Can you find the lines of the listing that include "Body" and copy every one?

━━━━━ THE INPUT

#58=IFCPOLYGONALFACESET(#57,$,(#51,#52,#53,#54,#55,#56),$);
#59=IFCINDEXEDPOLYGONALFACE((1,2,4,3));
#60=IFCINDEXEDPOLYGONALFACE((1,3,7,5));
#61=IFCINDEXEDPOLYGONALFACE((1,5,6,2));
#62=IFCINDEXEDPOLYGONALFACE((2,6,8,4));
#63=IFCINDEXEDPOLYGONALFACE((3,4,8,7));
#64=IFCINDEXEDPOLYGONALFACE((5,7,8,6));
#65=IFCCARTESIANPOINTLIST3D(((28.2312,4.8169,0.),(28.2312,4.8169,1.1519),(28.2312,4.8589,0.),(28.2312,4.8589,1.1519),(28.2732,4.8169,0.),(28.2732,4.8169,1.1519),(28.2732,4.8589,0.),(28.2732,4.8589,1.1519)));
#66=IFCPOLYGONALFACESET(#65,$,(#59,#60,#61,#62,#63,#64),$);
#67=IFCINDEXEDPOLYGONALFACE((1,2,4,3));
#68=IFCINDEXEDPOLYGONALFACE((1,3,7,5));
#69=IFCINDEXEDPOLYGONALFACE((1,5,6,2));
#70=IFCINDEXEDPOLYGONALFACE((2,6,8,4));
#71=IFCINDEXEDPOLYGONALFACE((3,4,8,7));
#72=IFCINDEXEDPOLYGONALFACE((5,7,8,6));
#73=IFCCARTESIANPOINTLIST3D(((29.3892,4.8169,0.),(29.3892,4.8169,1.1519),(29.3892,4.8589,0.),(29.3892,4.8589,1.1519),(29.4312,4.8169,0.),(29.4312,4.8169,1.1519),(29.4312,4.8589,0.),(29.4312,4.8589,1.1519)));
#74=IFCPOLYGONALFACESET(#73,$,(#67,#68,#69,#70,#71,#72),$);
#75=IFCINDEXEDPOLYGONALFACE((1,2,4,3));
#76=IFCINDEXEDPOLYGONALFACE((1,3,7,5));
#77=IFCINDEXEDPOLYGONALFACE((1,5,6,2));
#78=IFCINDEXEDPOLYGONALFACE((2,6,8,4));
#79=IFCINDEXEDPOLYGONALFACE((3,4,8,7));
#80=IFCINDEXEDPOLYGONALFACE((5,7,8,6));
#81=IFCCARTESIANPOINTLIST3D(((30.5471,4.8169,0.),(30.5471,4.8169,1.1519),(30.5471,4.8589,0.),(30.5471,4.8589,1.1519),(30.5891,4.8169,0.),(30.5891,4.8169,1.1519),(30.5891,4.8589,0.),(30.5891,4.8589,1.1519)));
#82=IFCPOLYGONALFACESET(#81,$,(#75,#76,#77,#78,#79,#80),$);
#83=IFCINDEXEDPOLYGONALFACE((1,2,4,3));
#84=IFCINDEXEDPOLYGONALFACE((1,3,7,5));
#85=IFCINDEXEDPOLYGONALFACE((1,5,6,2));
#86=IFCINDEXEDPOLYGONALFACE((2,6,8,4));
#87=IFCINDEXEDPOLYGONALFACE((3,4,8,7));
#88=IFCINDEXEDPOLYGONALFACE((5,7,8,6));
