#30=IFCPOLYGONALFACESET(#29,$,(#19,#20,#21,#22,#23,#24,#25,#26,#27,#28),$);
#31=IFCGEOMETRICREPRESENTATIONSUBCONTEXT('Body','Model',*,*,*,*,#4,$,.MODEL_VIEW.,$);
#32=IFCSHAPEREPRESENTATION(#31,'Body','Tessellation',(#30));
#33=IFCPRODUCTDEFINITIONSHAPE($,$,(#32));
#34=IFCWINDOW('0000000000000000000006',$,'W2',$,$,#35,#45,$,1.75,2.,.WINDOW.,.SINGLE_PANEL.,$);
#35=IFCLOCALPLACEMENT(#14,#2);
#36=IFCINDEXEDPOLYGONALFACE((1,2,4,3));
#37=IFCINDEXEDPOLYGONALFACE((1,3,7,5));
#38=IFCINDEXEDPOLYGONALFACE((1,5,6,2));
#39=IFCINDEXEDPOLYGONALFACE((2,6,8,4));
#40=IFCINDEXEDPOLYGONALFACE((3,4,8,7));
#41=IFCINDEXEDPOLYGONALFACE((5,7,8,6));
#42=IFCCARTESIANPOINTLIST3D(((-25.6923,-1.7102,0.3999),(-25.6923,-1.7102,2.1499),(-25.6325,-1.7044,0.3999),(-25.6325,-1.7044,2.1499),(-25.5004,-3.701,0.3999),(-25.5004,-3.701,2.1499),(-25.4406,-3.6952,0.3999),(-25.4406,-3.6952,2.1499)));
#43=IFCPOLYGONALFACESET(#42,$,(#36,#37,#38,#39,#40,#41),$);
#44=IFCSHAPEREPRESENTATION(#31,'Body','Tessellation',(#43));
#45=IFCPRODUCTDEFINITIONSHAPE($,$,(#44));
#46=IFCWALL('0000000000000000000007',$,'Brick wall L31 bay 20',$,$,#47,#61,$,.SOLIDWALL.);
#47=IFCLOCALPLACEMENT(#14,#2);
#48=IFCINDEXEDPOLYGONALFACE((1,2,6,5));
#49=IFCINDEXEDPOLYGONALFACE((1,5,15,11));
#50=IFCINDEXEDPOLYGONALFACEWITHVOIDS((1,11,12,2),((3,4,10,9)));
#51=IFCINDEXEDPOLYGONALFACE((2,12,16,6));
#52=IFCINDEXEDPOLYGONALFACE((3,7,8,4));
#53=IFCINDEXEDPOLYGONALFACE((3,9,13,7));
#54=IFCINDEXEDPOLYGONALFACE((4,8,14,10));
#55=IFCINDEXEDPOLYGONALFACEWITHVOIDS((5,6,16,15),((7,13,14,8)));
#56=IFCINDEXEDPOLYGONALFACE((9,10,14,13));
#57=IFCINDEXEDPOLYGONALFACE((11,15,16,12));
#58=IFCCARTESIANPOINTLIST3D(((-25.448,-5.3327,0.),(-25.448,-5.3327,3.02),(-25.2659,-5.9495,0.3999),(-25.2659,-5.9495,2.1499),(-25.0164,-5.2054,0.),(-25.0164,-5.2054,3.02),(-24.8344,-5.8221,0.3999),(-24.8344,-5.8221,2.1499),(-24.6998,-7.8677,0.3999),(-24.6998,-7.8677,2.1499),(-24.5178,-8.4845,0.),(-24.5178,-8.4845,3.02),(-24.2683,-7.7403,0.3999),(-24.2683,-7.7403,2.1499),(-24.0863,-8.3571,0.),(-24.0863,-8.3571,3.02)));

━━━━━━━━━━

### SOLUTION
#31=IFCGEOMETRICREPRESENTATIONSUBCONTEXT('Body','Model',*,*,*,*,#4,$,.MODEL_VIEW.,$);
#32=IFCSHAPEREPRESENTATION(#31,'Body','Tessellation',(#30));
#44=IFCSHAPEREPRESENTATION(#31,'Body','Tessellation',(#43));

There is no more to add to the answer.